[WORK TO BE COMPLETED] From the top of the records below down to the line containing "#24=IFCINDEXEDPOLYGONALFACE((5,6,8,7));", reproduce every line exactly.

[Stored data]
.....
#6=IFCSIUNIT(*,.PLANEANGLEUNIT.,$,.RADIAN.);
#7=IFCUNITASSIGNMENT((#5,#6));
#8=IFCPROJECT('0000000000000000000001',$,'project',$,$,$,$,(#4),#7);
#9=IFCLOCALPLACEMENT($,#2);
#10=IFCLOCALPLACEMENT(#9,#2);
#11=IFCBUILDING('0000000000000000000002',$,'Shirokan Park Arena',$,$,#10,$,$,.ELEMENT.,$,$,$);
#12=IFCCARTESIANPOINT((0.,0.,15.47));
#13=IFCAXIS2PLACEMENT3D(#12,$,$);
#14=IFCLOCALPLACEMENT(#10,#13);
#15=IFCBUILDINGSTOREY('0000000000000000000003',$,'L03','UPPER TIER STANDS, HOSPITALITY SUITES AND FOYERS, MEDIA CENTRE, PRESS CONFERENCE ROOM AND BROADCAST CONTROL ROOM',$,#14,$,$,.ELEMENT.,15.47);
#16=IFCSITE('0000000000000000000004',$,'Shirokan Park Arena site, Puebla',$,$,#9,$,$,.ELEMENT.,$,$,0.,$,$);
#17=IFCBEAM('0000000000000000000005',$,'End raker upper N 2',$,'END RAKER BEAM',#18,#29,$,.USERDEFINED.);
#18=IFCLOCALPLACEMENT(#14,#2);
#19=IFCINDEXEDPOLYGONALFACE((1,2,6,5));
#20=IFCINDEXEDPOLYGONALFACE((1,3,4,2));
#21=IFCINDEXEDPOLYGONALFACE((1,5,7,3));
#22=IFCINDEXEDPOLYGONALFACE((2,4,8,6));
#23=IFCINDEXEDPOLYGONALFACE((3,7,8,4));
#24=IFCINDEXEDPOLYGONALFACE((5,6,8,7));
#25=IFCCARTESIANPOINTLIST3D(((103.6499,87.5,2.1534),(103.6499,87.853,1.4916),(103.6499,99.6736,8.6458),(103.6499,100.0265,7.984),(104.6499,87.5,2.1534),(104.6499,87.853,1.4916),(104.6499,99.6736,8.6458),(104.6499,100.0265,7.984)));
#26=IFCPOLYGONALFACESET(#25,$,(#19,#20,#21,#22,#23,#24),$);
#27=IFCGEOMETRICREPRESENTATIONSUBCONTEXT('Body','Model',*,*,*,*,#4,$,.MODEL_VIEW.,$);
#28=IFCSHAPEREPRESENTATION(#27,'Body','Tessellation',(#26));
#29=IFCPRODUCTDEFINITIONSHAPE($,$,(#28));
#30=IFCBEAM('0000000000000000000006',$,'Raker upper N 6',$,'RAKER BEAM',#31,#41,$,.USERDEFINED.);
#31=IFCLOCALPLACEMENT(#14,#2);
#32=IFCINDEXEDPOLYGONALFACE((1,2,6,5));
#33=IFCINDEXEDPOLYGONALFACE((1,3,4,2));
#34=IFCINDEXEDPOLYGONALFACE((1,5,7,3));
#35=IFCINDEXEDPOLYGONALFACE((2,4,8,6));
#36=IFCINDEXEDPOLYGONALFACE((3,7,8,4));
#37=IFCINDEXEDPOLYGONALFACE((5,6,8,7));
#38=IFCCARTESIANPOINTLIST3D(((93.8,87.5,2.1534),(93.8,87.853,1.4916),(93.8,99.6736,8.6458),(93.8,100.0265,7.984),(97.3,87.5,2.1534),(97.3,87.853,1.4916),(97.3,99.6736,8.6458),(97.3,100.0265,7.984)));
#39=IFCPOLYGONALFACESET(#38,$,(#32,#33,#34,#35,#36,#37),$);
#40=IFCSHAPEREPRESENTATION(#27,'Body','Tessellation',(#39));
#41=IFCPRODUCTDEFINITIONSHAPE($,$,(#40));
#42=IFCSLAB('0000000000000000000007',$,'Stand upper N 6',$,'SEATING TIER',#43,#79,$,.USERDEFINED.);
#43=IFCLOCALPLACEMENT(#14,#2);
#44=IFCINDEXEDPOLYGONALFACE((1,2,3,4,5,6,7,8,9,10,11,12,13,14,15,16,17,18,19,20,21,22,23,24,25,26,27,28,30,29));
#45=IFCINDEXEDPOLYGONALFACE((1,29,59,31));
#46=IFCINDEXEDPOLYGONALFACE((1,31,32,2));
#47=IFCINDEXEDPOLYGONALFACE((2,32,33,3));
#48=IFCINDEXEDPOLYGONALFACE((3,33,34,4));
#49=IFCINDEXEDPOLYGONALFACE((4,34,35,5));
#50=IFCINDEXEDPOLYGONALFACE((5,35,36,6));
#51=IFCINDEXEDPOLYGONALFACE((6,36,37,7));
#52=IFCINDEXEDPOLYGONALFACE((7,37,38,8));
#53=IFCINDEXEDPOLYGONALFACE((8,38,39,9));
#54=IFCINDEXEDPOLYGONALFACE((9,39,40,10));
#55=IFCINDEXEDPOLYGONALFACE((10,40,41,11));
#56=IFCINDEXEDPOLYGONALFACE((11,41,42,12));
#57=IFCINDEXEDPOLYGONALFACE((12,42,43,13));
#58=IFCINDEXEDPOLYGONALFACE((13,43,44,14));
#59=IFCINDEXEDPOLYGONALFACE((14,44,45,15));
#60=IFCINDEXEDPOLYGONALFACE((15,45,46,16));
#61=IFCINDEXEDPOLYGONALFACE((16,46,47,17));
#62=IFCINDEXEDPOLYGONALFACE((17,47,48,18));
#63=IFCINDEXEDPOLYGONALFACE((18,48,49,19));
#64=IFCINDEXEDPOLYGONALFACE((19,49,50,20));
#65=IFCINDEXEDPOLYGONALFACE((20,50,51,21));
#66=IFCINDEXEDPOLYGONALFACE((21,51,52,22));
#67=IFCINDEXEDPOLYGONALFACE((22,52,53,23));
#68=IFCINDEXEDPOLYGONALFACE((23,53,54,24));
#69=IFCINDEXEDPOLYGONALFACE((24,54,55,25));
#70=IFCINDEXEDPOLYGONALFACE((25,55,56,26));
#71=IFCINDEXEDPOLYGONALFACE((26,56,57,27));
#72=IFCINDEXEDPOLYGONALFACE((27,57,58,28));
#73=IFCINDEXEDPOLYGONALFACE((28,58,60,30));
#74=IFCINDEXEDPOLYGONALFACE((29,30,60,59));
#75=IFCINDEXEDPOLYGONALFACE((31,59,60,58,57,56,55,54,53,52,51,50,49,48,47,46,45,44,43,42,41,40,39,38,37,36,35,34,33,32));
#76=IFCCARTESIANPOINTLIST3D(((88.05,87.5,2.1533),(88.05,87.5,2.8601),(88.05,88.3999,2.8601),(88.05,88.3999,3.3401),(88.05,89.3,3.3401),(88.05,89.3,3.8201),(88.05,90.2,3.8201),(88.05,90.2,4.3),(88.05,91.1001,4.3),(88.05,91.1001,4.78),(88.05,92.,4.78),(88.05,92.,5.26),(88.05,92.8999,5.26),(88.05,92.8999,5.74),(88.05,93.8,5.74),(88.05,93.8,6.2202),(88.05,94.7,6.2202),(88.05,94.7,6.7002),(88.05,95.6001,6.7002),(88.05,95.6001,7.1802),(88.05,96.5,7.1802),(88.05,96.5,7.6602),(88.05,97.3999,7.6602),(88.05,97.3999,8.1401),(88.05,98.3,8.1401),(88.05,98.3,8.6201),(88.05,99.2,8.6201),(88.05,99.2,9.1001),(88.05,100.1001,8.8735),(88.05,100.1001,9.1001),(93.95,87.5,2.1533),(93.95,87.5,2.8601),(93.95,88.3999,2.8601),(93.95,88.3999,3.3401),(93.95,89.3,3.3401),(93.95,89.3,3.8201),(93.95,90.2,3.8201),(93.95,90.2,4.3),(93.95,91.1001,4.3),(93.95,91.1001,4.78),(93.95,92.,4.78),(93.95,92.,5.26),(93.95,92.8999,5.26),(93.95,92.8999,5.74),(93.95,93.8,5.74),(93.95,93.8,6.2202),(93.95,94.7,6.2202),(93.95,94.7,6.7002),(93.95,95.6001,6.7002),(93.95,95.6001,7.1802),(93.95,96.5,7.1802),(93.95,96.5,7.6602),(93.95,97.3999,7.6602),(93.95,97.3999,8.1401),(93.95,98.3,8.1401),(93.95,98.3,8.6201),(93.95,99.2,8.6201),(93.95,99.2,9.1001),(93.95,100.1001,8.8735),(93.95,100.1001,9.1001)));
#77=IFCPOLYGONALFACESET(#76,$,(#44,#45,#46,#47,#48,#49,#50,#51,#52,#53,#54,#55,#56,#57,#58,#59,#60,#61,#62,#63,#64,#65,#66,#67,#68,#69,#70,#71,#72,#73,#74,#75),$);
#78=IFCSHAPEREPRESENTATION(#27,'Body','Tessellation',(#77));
.....
[EXERCISE RESULT]
#6=IFCSIUNIT(*,.PLANEANGLEUNIT.,$,.RADIAN.);
#7=IFCUNITASSIGNMENT((#5,#6));
#8=IFCPROJECT('0000000000000000000001',$,'project',$,$,$,$,(#4),#7);
#9=IFCLOCALPLACEMENT($,#2);
#10=IFCLOCALPLACEMENT(#9,#2);
#11=IFCBUILDING('0000000000000000000002',$,'Shirokan Park Arena',$,$,#10,$,$,.ELEMENT.,$,$,$);
#12=IFCCARTESIANPOINT((0.,0.,15.47));
#13=IFCAXIS2PLACEMENT3D(#12,$,$);
#14=IFCLOCALPLACEMENT(#10,#13);
#15=IFCBUILDINGSTOREY('0000000000000000000003',$,'L03','UPPER TIER STANDS, HOSPITALITY SUITES AND FOYERS, MEDIA CENTRE, PRESS CONFERENCE ROOM AND BROADCAST CONTROL ROOM',$,#14,$,$,.ELEMENT.,15.47);
#16=IFCSITE('0000000000000000000004',$,'Shirokan Park Arena site, Puebla',$,$,#9,$,$,.ELEMENT.,$,$,0.,$,$);
#17=IFCBEAM('0000000000000000000005',$,'End raker upper N 2',$,'END RAKER BEAM',#18,#29,$,.USERDEFINED.);
#18=IFCLOCALPLACEMENT(#14,#2);
#19=IFCINDEXEDPOLYGONALFACE((1,2,6,5));
#20=IFCINDEXEDPOLYGONALFACE((1,3,4,2));
#21=IFCINDEXEDPOLYGONALFACE((1,5,7,3));
#22=IFCINDEXEDPOLYGONALFACE((2,4,8,6));
#23=IFCINDEXEDPOLYGONALFACE((3,7,8,4));
#24=IFCINDEXEDPOLYGONALFACE((5,6,8,7));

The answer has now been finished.